## Exercise requirements
Would you copy the material below word for word, beginning with its first line and ending with the line that contains "#165=IFCPRODUCTDEFINITIONSHAPE($,$,(#164));"?

## Records shown
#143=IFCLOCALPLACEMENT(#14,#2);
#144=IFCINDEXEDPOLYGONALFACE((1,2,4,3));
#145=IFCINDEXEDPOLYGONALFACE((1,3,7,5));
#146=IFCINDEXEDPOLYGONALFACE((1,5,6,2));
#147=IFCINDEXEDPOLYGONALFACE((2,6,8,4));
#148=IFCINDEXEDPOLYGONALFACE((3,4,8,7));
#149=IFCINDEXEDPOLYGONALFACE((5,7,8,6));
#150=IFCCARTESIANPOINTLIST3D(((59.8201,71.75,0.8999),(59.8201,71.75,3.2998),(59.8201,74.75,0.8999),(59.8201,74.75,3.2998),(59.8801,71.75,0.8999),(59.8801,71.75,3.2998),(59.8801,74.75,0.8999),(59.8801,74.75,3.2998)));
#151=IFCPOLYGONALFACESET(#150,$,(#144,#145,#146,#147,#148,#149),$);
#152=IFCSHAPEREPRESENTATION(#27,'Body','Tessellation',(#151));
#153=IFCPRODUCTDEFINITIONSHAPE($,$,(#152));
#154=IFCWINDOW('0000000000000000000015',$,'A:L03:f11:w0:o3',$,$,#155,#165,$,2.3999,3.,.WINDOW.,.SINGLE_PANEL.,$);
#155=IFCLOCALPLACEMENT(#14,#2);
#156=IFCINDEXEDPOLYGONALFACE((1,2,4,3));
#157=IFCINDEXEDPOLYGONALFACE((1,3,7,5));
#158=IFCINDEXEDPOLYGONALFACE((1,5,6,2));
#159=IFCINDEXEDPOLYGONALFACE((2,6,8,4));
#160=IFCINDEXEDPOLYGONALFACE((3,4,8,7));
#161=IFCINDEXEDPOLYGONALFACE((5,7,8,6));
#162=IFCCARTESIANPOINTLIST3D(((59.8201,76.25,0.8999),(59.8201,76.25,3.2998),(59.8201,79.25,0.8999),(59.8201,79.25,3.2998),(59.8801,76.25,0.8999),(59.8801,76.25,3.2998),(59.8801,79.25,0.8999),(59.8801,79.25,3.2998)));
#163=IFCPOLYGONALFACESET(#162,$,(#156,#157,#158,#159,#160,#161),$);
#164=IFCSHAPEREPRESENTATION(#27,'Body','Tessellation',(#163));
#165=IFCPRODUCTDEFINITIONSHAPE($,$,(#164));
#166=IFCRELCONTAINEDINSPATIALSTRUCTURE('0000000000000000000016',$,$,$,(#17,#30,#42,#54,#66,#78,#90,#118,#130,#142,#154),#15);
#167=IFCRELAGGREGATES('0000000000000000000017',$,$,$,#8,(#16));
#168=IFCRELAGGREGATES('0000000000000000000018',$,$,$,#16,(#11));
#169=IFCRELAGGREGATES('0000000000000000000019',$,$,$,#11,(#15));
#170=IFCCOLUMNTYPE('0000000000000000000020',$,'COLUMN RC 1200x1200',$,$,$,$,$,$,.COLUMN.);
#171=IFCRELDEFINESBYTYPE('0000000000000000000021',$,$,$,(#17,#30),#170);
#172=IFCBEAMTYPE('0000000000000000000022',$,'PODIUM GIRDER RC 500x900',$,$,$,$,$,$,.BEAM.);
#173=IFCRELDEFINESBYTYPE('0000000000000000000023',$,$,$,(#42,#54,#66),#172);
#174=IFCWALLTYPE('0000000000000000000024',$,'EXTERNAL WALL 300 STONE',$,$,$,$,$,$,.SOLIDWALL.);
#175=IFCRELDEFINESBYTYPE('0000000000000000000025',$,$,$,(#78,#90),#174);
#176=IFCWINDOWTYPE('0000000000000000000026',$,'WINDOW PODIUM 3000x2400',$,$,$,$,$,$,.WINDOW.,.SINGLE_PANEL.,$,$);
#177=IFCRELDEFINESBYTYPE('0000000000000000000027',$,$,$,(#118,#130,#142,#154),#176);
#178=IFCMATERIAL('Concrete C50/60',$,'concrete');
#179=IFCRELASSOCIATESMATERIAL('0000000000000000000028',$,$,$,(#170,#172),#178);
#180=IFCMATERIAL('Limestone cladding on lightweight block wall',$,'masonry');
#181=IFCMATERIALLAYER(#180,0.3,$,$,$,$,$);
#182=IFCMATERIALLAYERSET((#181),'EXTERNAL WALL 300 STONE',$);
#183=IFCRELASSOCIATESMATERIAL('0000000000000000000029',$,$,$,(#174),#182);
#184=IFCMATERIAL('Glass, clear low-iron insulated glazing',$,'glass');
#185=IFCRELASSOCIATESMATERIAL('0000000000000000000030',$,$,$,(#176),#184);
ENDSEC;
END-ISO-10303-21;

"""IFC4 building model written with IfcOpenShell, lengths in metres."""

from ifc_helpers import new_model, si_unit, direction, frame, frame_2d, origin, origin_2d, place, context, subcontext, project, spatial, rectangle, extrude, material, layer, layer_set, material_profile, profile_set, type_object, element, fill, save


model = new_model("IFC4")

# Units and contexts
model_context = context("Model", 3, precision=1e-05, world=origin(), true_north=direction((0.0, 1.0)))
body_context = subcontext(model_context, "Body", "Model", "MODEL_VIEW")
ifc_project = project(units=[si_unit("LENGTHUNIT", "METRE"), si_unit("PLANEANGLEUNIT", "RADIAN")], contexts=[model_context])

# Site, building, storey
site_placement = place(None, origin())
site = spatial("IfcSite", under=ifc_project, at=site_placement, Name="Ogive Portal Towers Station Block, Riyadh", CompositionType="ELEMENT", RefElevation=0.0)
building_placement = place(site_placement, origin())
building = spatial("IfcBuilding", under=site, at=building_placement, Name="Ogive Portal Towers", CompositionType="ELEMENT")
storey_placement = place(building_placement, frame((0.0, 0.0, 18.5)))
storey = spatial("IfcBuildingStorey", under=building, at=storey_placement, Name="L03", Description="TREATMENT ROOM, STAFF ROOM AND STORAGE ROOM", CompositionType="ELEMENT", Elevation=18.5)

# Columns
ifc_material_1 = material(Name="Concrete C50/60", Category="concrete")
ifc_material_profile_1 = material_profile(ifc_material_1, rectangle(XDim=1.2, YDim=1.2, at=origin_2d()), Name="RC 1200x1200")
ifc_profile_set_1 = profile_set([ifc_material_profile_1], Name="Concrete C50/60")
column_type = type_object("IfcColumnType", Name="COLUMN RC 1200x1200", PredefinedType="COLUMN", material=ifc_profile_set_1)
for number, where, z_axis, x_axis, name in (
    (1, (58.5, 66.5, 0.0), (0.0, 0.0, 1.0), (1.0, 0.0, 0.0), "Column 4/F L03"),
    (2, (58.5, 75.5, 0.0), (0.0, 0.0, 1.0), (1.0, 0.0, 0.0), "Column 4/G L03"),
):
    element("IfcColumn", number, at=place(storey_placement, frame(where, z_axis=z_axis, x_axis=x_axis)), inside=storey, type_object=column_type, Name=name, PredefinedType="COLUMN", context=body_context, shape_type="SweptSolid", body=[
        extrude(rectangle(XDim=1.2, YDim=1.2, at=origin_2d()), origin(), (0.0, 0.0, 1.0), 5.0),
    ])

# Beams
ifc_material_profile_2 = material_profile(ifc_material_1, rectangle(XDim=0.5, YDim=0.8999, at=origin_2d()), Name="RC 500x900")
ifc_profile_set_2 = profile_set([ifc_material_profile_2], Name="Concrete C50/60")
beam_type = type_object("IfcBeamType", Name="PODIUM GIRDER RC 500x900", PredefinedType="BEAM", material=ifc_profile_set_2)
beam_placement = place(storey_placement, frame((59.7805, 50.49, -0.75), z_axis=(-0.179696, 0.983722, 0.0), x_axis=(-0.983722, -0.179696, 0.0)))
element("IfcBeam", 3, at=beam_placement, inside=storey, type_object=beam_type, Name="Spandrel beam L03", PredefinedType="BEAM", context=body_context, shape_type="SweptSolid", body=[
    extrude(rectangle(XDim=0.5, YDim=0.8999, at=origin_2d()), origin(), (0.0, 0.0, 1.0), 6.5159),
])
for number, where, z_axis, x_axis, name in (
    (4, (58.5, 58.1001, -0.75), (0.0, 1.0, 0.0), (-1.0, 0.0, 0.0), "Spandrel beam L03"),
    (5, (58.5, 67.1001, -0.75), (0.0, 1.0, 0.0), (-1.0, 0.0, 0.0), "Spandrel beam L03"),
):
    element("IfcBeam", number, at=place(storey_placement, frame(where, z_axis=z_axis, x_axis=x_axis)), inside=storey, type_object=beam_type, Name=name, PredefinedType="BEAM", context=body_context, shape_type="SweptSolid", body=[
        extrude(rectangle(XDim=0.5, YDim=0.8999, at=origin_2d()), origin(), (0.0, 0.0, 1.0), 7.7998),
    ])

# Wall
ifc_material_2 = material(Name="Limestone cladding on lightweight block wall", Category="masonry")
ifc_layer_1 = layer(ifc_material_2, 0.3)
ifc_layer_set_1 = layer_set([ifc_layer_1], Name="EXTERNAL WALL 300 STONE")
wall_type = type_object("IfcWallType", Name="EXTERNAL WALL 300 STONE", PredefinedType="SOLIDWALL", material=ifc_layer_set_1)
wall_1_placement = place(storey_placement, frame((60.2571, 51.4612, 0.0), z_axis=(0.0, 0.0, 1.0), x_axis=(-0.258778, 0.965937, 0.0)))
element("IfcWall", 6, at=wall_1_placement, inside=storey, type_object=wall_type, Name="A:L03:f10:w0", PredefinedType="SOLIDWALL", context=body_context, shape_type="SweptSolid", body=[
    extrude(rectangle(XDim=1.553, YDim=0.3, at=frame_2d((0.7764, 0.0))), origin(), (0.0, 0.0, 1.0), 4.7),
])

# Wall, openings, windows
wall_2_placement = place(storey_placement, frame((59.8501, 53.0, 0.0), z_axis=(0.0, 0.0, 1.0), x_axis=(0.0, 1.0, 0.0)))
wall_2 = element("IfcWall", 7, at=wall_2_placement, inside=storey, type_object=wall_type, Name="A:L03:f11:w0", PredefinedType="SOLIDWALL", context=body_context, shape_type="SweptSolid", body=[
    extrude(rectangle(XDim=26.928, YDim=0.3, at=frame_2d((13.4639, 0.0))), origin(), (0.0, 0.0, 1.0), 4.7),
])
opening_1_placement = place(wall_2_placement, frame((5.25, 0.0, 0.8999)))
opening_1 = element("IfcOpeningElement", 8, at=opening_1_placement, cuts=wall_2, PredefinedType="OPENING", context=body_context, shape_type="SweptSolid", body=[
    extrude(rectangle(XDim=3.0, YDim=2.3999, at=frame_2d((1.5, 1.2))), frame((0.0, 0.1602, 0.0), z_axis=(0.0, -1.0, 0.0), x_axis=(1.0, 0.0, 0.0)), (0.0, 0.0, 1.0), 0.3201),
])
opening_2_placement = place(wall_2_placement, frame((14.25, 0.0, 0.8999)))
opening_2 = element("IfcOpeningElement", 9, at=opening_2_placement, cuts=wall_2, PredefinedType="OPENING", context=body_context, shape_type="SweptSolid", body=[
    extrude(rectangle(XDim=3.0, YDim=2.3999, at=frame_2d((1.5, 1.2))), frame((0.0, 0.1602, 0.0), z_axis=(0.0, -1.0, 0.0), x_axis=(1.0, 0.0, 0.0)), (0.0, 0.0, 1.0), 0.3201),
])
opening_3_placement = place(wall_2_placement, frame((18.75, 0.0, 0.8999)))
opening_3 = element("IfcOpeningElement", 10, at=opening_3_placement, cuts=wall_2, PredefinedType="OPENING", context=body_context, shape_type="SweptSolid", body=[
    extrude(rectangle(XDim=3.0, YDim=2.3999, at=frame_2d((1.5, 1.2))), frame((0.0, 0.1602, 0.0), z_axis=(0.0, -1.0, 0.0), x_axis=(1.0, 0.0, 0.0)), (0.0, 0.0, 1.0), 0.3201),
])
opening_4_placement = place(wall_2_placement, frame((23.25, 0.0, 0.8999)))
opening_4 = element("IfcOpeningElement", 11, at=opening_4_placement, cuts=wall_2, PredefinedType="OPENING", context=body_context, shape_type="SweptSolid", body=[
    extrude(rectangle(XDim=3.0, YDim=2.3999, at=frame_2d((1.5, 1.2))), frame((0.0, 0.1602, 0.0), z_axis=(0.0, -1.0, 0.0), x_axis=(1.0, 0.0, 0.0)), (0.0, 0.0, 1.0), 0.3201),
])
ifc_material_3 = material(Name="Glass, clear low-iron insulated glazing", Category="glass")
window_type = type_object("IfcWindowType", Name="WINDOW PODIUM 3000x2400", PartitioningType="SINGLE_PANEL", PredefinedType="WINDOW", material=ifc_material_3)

## Output below
#143=IFCLOCALPLACEMENT(#14,#2);
#144=IFCINDEXEDPOLYGONALFACE((1,2,4,3));
#145=IFCINDEXEDPOLYGONALFACE((1,3,7,5));
#146=IFCINDEXEDPOLYGONALFACE((1,5,6,2));
#147=IFCINDEXEDPOLYGONALFACE((2,6,8,4));
#148=IFCINDEXEDPOLYGONALFACE((3,4,8,7));
#149=IFCINDEXEDPOLYGONALFACE((5,7,8,6));
#150=IFCCARTESIANPOINTLIST3D(((59.8201,71.75,0.8999),(59.8201,71.75,3.2998),(59.8201,74.75,0.8999),(59.8201,74.75,3.2998),(59.8801,71.75,0.8999),(59.8801,71.75,3.2998),(59.8801,74.75,0.8999),(59.8801,74.75,3.2998)));
#151=IFCPOLYGONALFACESET(#150,$,(#144,#145,#146,#147,#148,#149),$);
#152=IFCSHAPEREPRESENTATION(#27,'Body','Tessellation',(#151));
#153=IFCPRODUCTDEFINITIONSHAPE($,$,(#152));
#154=IFCWINDOW('0000000000000000000015',$,'A:L03:f11:w0:o3',$,$,#155,#165,$,2.3999,3.,.WINDOW.,.SINGLE_PANEL.,$);
#155=IFCLOCALPLACEMENT(#14,#2);
#156=IFCINDEXEDPOLYGONALFACE((1,2,4,3));
#157=IFCINDEXEDPOLYGONALFACE((1,3,7,5));
#158=IFCINDEXEDPOLYGONALFACE((1,5,6,2));
#159=IFCINDEXEDPOLYGONALFACE((2,6,8,4));
#160=IFCINDEXEDPOLYGONALFACE((3,4,8,7));
#161=IFCINDEXEDPOLYGONALFACE((5,7,8,6));
#162=IFCCARTESIANPOINTLIST3D(((59.8201,76.25,0.8999),(59.8201,76.25,3.2998),(59.8201,79.25,0.8999),(59.8201,79.25,3.2998),(59.8801,76.25,0.8999),(59.8801,76.25,3.2998),(59.8801,79.25,0.8999),(59.8801,79.25,3.2998)));
#163=IFCPOLYGONALFACESET(#162,$,(#156,#157,#158,#159,#160,#161),$);
#164=IFCSHAPEREPRESENTATION(#27,'Body','Tessellation',(#163));
#165=IFCPRODUCTDEFINITIONSHAPE($,$,(#164));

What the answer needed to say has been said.